__Data records__
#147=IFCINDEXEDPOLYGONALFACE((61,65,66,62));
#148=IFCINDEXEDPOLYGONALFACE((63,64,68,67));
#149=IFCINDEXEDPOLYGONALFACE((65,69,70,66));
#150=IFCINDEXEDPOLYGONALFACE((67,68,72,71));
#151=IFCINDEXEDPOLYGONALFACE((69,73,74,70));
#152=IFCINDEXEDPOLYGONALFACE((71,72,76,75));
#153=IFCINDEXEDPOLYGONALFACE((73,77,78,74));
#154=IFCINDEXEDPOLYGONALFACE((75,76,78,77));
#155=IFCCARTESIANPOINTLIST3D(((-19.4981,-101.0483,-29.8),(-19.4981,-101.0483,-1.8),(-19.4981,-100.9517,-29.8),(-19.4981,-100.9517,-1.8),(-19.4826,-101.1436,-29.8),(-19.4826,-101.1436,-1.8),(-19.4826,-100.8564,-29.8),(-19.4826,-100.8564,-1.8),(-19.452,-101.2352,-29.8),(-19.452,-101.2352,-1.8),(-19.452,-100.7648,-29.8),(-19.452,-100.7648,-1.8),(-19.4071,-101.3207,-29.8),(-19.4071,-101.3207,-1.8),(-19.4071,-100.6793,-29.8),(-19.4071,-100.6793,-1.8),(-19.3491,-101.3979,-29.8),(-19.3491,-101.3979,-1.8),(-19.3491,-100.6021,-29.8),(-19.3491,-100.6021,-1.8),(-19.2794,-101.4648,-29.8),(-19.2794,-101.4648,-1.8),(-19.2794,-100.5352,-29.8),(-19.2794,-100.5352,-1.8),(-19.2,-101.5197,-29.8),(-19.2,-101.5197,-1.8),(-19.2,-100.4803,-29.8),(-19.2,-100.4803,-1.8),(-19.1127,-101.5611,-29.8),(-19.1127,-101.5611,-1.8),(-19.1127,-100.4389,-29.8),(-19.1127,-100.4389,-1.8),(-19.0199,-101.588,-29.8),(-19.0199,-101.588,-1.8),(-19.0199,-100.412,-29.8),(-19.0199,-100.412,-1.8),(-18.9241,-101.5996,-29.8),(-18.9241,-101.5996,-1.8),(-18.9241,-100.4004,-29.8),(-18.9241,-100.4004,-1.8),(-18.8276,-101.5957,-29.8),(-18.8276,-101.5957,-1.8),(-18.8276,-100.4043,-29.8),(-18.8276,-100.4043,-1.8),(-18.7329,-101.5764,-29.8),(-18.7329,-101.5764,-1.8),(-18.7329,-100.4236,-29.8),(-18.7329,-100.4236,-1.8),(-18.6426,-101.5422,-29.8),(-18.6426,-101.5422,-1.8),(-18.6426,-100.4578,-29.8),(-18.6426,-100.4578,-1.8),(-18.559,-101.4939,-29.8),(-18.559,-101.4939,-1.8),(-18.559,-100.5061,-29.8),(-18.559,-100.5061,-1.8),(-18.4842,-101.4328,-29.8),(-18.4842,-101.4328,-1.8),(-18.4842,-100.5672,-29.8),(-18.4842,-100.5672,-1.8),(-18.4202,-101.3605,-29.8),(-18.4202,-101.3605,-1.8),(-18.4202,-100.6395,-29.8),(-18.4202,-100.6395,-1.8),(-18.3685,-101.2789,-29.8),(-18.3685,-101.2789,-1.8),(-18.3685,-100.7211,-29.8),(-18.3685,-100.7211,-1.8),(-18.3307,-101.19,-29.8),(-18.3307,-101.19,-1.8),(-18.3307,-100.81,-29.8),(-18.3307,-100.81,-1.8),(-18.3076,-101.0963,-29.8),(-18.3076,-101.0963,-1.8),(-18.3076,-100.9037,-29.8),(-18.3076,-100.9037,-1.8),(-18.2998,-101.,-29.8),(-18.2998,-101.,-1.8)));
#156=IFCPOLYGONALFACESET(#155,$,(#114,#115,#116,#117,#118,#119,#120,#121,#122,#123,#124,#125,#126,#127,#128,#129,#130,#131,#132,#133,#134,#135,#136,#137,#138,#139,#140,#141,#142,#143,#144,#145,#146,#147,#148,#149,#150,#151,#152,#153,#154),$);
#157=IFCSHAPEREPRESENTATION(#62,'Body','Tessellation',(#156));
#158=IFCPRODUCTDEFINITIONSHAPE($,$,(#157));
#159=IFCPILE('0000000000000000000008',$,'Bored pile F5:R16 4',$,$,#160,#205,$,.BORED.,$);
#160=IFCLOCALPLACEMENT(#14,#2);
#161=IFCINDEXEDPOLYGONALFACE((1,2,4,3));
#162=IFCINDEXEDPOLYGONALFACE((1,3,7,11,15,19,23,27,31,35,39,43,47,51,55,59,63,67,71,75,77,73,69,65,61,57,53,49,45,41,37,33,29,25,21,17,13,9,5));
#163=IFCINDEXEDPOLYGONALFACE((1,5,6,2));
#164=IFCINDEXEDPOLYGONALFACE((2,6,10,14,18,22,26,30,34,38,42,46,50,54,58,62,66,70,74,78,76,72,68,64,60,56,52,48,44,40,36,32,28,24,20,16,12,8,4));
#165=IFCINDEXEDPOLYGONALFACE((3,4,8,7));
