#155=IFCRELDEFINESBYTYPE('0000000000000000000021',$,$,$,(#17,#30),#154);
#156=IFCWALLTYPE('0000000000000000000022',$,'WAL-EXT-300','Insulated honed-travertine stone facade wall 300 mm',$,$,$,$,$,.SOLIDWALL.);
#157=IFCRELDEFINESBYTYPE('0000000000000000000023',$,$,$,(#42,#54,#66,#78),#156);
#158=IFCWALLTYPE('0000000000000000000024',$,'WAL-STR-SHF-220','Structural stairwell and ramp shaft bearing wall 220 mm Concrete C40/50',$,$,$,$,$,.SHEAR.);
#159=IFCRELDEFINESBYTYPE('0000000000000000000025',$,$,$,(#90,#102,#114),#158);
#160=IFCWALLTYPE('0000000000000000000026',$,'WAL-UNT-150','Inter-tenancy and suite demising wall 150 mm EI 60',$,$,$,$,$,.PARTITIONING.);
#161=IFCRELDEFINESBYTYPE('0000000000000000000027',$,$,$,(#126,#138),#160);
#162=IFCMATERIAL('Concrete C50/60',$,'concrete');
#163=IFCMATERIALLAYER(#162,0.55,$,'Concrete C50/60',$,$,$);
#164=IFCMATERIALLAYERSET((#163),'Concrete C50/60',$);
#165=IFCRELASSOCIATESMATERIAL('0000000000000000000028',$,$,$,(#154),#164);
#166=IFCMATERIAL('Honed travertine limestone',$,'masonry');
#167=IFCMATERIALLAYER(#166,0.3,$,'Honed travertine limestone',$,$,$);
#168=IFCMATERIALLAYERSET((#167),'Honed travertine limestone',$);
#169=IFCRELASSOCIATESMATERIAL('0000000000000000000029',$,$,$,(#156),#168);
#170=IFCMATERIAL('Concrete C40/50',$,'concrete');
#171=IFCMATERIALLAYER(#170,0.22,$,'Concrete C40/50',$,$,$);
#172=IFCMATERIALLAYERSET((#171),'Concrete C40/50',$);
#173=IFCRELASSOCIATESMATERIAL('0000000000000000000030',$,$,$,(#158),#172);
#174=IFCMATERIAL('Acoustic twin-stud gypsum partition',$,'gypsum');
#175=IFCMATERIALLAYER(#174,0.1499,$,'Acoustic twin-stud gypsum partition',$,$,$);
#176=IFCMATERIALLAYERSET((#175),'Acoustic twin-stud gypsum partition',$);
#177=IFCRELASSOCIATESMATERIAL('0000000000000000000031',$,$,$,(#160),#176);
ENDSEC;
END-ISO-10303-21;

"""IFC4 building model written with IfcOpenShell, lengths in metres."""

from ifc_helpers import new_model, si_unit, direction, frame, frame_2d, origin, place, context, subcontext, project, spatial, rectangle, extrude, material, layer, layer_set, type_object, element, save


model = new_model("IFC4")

--

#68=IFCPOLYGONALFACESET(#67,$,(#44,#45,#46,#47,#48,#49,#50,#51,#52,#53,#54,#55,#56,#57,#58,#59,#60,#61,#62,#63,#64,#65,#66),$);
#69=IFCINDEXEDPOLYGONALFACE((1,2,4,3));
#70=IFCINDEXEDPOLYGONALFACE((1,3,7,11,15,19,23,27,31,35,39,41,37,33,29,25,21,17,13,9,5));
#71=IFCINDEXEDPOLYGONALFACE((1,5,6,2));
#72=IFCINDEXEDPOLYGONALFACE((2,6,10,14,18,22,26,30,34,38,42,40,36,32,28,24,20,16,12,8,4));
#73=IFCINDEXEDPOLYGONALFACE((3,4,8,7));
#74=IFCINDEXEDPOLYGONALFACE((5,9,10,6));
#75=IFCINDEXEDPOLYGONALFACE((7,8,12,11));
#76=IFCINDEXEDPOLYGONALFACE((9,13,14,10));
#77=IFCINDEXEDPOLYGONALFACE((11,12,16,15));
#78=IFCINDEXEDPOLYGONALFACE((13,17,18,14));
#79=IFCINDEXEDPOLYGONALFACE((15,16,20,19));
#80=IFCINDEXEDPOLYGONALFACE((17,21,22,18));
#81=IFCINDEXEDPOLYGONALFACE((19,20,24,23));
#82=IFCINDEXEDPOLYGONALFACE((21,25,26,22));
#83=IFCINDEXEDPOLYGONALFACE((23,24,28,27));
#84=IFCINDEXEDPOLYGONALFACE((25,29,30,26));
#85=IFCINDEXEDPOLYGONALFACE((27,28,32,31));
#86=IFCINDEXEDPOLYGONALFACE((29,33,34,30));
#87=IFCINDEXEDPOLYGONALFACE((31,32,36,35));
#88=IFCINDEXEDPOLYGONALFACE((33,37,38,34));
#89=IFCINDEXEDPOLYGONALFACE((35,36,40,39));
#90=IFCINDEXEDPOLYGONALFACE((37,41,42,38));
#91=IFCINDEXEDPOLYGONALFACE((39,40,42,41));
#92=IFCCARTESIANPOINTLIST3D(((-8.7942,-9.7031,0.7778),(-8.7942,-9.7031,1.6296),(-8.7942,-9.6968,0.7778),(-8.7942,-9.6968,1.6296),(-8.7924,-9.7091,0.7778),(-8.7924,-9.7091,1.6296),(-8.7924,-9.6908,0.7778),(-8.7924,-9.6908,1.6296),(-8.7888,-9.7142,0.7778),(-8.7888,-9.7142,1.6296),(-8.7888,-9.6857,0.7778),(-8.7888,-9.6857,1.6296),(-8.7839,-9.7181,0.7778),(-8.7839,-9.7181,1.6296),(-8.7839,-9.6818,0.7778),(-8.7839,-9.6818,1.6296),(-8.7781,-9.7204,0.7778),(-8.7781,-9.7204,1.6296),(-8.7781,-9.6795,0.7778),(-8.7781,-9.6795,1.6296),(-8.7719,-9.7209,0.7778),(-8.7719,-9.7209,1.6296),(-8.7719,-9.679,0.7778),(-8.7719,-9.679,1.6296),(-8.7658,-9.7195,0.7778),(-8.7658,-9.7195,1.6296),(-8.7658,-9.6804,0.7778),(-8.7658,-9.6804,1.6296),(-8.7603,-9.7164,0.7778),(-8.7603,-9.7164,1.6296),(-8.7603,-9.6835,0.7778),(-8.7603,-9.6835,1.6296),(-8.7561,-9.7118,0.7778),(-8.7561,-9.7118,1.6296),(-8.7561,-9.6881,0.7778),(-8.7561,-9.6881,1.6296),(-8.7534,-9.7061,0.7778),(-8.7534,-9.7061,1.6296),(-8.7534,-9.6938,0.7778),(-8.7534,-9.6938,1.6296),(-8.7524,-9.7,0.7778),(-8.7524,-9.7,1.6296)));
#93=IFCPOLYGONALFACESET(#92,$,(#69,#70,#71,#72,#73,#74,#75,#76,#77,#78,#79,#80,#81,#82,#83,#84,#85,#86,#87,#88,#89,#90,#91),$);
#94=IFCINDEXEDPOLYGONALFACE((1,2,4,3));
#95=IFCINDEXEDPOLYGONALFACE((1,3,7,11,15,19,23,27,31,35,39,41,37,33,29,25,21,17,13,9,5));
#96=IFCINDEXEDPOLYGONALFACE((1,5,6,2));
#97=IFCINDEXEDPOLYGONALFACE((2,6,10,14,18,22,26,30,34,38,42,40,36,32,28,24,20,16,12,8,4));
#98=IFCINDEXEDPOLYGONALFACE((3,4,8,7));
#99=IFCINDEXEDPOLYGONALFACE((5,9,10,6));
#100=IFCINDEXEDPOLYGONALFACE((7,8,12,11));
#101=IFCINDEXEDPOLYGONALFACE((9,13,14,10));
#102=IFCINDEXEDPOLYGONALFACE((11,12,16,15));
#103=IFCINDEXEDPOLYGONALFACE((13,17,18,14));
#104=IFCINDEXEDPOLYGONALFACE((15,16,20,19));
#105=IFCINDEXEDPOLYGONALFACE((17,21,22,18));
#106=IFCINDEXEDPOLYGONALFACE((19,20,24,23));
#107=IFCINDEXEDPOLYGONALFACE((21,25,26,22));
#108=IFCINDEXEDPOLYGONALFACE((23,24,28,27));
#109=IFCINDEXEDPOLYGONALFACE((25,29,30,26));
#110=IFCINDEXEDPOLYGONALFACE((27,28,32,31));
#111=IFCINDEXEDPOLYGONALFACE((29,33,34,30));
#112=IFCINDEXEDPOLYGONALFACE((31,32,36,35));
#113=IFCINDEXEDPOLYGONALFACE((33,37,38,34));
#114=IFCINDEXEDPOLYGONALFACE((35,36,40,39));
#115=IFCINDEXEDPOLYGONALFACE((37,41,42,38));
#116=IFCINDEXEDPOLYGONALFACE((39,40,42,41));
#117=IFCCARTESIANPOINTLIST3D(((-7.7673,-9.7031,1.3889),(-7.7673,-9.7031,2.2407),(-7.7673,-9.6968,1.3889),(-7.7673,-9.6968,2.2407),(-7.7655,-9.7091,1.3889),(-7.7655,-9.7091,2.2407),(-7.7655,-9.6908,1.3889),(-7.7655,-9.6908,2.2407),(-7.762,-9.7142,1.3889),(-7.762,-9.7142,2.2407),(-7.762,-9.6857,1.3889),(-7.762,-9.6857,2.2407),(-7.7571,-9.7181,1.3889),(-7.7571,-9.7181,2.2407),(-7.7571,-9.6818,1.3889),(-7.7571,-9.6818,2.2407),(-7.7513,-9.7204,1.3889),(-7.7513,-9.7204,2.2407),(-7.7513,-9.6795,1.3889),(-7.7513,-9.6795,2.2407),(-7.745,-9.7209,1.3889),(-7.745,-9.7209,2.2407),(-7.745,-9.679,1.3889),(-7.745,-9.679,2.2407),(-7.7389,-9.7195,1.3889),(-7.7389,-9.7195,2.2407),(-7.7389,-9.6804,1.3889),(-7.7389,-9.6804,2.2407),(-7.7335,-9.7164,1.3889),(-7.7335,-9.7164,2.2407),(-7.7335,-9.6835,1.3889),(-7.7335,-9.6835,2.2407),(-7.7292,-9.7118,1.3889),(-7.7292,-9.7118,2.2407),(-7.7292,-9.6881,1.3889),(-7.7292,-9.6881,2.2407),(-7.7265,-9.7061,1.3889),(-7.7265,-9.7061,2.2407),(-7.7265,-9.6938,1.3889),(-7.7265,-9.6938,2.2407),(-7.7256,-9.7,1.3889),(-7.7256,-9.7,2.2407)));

__Task prompt__
The answer is the lines above between the line holding "#85=IFCINDEXEDPOLYGONALFACE((27,28,32,31));" and the line holding "#91=IFCINDEXEDPOLYGONALFACE((39,40,42,41));", inclusive, each written out exactly, and no others.

__Answer to the problem__
#85=IFCINDEXEDPOLYGONALFACE((27,28,32,31));
#86=IFCINDEXEDPOLYGONALFACE((29,33,34,30));
#87=IFCINDEXEDPOLYGONALFACE((31,32,36,35));
#88=IFCINDEXEDPOLYGONALFACE((33,37,38,34));
#89=IFCINDEXEDPOLYGONALFACE((35,36,40,39));
#90=IFCINDEXEDPOLYGONALFACE((37,41,42,38));
#91=IFCINDEXEDPOLYGONALFACE((39,40,42,41));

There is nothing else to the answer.